_The task_
Give the count of lines in the entries that include "Stainless", and write nothing besides it.

[Stored items]

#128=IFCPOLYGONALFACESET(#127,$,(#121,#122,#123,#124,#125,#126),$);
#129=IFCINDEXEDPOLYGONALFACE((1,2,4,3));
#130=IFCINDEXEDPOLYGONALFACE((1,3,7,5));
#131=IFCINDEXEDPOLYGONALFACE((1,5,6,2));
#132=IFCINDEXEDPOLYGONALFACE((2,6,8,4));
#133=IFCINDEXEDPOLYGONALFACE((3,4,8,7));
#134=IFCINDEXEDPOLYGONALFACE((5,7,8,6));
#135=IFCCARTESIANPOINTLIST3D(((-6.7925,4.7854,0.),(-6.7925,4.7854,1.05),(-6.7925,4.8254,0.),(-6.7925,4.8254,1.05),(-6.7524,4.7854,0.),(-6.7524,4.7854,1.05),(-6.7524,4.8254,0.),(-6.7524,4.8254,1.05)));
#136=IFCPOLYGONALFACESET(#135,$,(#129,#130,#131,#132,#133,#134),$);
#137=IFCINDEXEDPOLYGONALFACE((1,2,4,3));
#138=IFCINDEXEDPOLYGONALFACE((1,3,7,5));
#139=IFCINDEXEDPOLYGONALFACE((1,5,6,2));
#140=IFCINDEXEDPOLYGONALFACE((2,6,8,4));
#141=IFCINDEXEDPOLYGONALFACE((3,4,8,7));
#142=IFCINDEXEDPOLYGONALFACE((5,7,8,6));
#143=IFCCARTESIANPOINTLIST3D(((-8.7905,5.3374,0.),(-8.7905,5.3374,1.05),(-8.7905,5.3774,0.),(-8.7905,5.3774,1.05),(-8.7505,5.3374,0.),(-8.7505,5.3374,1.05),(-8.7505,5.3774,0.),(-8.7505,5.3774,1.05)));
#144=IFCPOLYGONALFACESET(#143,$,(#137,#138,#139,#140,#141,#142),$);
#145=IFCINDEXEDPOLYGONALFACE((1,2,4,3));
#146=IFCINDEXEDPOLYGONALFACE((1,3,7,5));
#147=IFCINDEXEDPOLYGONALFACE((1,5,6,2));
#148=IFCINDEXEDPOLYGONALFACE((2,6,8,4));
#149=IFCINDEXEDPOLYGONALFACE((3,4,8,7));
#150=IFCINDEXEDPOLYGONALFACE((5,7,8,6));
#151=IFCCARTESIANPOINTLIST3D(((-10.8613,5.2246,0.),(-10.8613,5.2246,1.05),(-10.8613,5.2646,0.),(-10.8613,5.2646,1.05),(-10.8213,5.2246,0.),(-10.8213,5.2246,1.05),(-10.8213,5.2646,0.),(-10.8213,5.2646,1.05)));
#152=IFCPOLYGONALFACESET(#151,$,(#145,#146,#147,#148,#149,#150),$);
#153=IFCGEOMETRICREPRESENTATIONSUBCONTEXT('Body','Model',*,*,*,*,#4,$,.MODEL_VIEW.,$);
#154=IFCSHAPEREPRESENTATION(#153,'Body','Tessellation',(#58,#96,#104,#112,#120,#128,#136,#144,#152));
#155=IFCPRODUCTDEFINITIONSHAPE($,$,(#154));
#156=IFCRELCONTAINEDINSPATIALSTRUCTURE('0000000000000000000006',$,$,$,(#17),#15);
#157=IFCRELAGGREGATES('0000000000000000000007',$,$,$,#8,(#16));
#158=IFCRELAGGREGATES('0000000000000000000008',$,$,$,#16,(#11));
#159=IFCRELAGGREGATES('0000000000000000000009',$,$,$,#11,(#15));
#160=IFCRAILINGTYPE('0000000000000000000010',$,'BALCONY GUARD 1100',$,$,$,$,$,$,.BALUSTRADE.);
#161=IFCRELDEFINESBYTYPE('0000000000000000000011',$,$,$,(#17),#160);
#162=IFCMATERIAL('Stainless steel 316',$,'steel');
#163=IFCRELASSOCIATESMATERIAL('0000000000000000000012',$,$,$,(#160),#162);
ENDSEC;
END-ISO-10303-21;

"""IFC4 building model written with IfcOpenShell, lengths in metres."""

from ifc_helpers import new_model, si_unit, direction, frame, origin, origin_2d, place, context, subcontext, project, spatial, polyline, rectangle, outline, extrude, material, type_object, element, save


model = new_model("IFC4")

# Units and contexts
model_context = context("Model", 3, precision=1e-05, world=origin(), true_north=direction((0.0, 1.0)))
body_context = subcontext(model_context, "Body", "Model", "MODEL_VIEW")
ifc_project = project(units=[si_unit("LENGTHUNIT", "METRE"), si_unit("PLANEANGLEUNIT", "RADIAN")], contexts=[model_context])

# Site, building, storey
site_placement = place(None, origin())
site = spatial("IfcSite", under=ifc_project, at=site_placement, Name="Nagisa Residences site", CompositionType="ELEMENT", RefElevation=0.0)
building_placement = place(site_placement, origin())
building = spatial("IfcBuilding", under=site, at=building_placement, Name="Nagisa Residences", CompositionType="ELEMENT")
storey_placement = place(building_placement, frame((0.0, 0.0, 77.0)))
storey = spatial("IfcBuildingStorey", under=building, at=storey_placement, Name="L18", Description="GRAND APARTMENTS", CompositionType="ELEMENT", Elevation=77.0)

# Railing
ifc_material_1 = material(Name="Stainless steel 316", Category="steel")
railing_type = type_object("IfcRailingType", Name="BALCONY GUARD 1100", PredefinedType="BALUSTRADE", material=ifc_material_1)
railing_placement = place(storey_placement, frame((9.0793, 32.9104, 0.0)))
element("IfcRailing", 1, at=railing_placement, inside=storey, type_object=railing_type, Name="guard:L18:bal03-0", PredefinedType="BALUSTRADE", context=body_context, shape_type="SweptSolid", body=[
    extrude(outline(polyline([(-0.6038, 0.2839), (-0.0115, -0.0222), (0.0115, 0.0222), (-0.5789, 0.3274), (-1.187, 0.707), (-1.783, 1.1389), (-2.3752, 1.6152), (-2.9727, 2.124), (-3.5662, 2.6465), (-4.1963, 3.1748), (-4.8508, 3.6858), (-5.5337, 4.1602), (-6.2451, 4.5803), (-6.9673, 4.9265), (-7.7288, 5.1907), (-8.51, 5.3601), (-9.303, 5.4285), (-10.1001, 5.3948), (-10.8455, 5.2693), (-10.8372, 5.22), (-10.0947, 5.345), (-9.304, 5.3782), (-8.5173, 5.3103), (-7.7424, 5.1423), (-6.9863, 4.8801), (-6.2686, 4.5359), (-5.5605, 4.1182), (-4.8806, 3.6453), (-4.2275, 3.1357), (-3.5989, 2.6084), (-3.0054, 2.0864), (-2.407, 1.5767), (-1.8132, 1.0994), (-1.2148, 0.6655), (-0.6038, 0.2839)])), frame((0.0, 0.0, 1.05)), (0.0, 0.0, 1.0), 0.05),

_Solution to the problem_
2